YOUR ASSIGNMENT:
Could you write out the lines below exactly, beginning with the first and finishing with the one that contains "#4=IFCGEOMETRICREPRESENTATIONCONTEXT($,'Model',3,1.E-05,#2,#3);"?

[[ EXTRACTED RECORDS, beginning ]]

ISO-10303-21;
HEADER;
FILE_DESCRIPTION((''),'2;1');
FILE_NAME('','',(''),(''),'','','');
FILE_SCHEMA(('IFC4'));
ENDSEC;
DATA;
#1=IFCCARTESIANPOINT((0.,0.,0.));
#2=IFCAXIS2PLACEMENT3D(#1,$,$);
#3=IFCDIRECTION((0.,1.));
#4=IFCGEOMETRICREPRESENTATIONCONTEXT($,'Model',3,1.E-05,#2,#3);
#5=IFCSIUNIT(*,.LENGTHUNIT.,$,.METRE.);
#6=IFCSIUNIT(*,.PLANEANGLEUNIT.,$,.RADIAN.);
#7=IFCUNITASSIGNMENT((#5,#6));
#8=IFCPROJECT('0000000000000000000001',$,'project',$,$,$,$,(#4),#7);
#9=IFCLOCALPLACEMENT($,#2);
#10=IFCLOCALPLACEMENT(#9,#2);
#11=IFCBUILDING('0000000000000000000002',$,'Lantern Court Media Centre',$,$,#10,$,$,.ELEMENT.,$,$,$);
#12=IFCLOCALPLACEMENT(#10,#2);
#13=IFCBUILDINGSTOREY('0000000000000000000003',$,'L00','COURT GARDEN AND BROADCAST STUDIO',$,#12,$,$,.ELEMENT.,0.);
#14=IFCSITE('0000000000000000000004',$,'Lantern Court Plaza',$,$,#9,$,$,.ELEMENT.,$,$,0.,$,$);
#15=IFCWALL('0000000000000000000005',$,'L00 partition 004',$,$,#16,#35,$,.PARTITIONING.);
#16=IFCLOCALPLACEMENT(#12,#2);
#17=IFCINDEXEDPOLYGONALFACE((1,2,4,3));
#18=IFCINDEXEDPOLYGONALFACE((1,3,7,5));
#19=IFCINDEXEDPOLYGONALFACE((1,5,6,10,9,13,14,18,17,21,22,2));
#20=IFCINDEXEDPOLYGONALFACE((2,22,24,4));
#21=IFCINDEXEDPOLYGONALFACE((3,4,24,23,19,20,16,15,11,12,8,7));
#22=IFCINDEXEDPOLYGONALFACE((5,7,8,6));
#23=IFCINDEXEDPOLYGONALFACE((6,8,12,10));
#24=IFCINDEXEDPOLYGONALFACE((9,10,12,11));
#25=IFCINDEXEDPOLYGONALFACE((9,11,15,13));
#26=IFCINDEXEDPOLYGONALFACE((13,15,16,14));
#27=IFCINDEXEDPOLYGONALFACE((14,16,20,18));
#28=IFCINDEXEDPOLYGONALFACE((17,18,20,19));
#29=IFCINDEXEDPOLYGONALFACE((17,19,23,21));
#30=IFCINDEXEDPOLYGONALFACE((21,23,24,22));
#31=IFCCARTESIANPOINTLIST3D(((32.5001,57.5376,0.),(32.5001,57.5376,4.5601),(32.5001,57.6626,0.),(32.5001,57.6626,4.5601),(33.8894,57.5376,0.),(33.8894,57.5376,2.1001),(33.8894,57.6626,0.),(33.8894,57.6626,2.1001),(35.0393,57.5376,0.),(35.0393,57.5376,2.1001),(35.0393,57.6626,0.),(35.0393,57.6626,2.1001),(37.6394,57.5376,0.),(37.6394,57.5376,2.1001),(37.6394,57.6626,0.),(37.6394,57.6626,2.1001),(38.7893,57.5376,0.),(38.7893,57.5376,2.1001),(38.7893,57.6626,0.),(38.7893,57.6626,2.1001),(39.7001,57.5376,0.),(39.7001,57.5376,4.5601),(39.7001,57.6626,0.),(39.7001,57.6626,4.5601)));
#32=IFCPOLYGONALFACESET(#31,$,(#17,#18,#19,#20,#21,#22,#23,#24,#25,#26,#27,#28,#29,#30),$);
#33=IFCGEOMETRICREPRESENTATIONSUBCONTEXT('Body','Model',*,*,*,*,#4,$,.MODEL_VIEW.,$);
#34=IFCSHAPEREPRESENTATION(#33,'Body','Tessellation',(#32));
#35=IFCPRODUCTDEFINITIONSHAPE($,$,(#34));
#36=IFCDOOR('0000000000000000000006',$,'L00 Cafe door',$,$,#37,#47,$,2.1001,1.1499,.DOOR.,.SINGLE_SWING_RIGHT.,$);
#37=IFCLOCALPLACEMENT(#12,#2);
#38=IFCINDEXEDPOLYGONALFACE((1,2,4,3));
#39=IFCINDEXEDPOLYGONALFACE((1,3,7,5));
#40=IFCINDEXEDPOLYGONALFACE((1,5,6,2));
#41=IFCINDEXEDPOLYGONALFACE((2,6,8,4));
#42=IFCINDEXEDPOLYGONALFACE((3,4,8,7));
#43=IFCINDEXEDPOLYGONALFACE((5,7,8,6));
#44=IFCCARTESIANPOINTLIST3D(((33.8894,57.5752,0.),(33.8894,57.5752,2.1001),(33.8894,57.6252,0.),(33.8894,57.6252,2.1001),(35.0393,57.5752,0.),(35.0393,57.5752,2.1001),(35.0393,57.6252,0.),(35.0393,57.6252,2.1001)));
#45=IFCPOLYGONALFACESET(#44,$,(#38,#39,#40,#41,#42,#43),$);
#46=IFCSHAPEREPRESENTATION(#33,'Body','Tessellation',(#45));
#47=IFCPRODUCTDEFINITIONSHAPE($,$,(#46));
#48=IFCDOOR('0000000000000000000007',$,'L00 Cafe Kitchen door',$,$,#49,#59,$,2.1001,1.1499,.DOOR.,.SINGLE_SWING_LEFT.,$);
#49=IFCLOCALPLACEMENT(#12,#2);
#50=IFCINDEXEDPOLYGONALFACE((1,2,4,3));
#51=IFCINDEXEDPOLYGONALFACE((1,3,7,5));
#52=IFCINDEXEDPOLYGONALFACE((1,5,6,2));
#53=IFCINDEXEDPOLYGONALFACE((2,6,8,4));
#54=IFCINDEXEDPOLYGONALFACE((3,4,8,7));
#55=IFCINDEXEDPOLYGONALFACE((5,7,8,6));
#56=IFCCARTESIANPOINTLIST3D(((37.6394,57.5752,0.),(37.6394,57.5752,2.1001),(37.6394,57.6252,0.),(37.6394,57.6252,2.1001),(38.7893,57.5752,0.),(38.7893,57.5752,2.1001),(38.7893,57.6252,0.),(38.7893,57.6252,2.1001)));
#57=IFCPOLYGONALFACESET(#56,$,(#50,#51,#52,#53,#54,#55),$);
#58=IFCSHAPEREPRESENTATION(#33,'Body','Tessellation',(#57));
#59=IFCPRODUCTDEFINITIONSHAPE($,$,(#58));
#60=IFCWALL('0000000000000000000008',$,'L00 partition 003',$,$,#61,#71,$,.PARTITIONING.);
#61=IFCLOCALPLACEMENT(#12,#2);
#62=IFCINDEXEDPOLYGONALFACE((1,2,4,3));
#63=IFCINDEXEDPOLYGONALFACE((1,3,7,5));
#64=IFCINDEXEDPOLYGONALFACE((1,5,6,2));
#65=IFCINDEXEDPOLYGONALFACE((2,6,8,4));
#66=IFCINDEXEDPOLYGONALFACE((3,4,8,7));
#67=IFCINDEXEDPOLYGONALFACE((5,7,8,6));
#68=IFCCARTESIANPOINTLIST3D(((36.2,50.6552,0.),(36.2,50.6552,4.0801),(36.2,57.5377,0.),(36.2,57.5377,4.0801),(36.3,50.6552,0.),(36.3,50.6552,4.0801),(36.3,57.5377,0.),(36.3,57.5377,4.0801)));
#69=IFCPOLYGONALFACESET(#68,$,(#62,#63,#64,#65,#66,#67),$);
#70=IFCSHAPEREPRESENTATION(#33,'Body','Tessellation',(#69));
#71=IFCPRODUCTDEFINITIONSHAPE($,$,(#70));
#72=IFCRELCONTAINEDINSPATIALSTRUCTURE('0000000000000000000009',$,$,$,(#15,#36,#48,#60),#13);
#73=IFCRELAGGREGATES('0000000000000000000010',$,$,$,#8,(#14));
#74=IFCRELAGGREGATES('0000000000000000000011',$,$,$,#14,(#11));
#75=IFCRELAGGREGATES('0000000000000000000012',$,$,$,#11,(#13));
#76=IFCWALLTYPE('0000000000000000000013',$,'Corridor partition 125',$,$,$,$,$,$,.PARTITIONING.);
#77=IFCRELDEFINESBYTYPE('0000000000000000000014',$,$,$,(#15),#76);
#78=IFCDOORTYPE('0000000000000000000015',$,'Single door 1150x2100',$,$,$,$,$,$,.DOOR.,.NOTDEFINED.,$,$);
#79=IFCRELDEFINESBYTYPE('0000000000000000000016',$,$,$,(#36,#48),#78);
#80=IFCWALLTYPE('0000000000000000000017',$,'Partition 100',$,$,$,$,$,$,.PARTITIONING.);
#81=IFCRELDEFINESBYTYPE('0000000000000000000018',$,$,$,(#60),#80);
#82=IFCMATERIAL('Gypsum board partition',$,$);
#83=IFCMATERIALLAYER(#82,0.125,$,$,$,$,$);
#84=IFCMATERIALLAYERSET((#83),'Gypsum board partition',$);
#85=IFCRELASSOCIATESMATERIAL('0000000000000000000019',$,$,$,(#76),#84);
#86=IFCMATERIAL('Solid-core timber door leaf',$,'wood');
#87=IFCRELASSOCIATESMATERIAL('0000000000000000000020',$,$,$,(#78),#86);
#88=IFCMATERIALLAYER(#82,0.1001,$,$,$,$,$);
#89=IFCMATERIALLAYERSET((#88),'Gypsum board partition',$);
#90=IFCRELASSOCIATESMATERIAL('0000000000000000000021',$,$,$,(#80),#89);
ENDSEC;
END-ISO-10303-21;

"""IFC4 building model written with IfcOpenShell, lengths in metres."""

from ifc_helpers import new_model, si_unit, direction, frame, frame_2d, origin, place, context, subcontext, project, spatial, rectangle, extrude, material, layer, layer_set, type_object, element, fill, save


model = new_model("IFC4")

# Units and contexts
model_context = context("Model", 3, precision=1e-05, world=origin(), true_north=direction((0.0, 1.0)))
body_context = subcontext(model_context, "Body", "Model", "MODEL_VIEW")
ifc_project = project(units=[si_unit("LENGTHUNIT", "METRE"), si_unit("PLANEANGLEUNIT", "RADIAN")], contexts=[model_context])

# Site, building, storey
site_placement = place(None, origin())
site = spatial("IfcSite", under=ifc_project, at=site_placement, Name="Lantern Court Plaza", CompositionType="ELEMENT", RefElevation=0.0)
building_placement = place(site_placement, origin())
building = spatial("IfcBuilding", under=site, at=building_placement, Name="Lantern Court Media Centre", CompositionType="ELEMENT")
storey_placement = place(building_placement, origin())
storey = spatial("IfcBuildingStorey", under=building, at=storey_placement, Name="L00", Description="COURT GARDEN AND BROADCAST STUDIO", CompositionType="ELEMENT", Elevation=0.0)

# Shared definitions
ifc_material_1 = material(Name="Gypsum board partition")
ifc_layer_1 = layer(ifc_material_1, 0.125)
ifc_layer_set_1 = layer_set([ifc_layer_1], Name="Gypsum board partition")
wall_type_1 = type_object("IfcWallType", Name="Corridor partition 125", PredefinedType="PARTITIONING", material=ifc_layer_set_1)

# Wall, openings, doors
wall_1_placement = place(storey_placement, frame((32.5, 57.6001, 0.0), z_axis=(0.0, 0.0, 1.0), x_axis=(1.0, 0.0, 0.0)))
wall_1 = element("IfcWall", 1, at=wall_1_placement, inside=storey, type_object=wall_type_1, Name="L00 partition 004", PredefinedType="PARTITIONING", context=body_context, shape_type="SweptSolid", body=[
    extrude(rectangle(XDim=7.2, YDim=0.125, at=frame_2d((3.6001, 0.0))), origin(), (0.0, 0.0, 1.0), 4.5601),
])
opening_1_placement = place(wall_1_placement, frame((1.3894, 0.0, 0.0)))
opening_1 = element("IfcOpeningElement", 2, at=opening_1_placement, cuts=wall_1, PredefinedType="OPENING", context=body_context, shape_type="SweptSolid", body=[
    extrude(rectangle(XDim=1.1499, YDim=2.1001, at=frame_2d((0.575, 1.05))), frame((0.0, 0.0725, 0.0), z_axis=(0.0, -1.0, 0.0), x_axis=(1.0, 0.0, 0.0)), (0.0, 0.0, 1.0), 0.145),
])
opening_2_placement = place(wall_1_placement, frame((5.1394, 0.0, 0.0)))
opening_2 = element("IfcOpeningElement", 3, at=opening_2_placement, cuts=wall_1, PredefinedType="OPENING", context=body_context, shape_type="SweptSolid", body=[
    extrude(rectangle(XDim=1.1499, YDim=2.1001, at=frame_2d((0.575, 1.05))), frame((0.0, 0.0725, 0.0), z_axis=(0.0, -1.0, 0.0), x_axis=(1.0, 0.0, 0.0)), (0.0, 0.0, 1.0), 0.145),
])
ifc_material_2 = material(Name="Solid-core timber door leaf", Category="wood")
door_type_1 = type_object("IfcDoorType", Name="Single door 1150x2100", OperationType="NOTDEFINED", PredefinedType="DOOR", material=ifc_material_2)
door_1_placement = place(opening_1_placement, frame((1.1499, 0.0, 0.0), z_axis=(0.0, 0.0, 1.0), x_axis=(-1.0, 0.0, 0.0)))
door_1 = element("IfcDoor", 4, at=door_1_placement, inside=storey, type_object=door_type_1, Name="L00 Cafe door", OperationType="SINGLE_SWING_RIGHT", OverallHeight=2.1001, OverallWidth=1.1499, PredefinedType="DOOR", context=body_context, shape_type="SweptSolid", body=[
    extrude(rectangle(XDim=1.1499, YDim=2.1001, at=frame_2d((0.575, 1.05))), frame((0.0, 0.0249, 0.0), z_axis=(0.0, -1.0, 0.0), x_axis=(1.0, 0.0, 0.0)), (0.0, 0.0, 1.0), 0.05),
])
fill(opening_1, door_1)
door_2_placement = place(opening_2_placement, frame((1.1499, 0.0, 0.0), z_axis=(0.0, 0.0, 1.0), x_axis=(-1.0, 0.0, 0.0)))
door_2 = element("IfcDoor", 5, at=door_2_placement, inside=storey, type_object=door_type_1, Name="L00 Cafe Kitchen door", OperationType="SINGLE_SWING_LEFT", OverallHeight=2.1001, OverallWidth=1.1499, PredefinedType="DOOR", context=body_context, shape_type="SweptSolid", body=[
    extrude(rectangle(XDim=1.1499, YDim=2.1001, at=frame_2d((0.575, 1.05))), frame((0.0, 0.0249, 0.0), z_axis=(0.0, -1.0, 0.0), x_axis=(1.0, 0.0, 0.0)), (0.0, 0.0, 1.0), 0.05),
])
fill(opening_2, door_2)

# Wall
ifc_layer_2 = layer(ifc_material_1, 0.1001)
ifc_layer_set_2 = layer_set([ifc_layer_2], Name="Gypsum board partition")
wall_type_2 = type_object("IfcWallType", Name="Partition 100", PredefinedType="PARTITIONING", material=ifc_layer_set_2)
wall_2_placement = place(storey_placement, frame((36.25, 50.655, 0.0), z_axis=(0.0, 0.0, 1.0), x_axis=(0.0, 1.0, 0.0)))
element("IfcWall", 6, at=wall_2_placement, inside=storey, type_object=wall_type_2, Name="L00 partition 003", PredefinedType="PARTITIONING", context=body_context, shape_type="SweptSolid", body=[
    extrude(rectangle(XDim=6.8826, YDim=0.1001, at=frame_2d((3.4414, 0.0))), origin(), (0.0, 0.0, 1.0), 4.0801),
])

save(model, "model.ifc")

[[ EXTRACTED RECORDS, end ]]

ANSWER TO THE EXERCISE:
ISO-10303-21;
HEADER;
FILE_DESCRIPTION((''),'2;1');
FILE_NAME('','',(''),(''),'','','');
FILE_SCHEMA(('IFC4'));
ENDSEC;
DATA;
#1=IFCCARTESIANPOINT((0.,0.,0.));
#2=IFCAXIS2PLACEMENT3D(#1,$,$);
#3=IFCDIRECTION((0.,1.));
#4=IFCGEOMETRICREPRESENTATIONCONTEXT($,'Model',3,1.E-05,#2,#3);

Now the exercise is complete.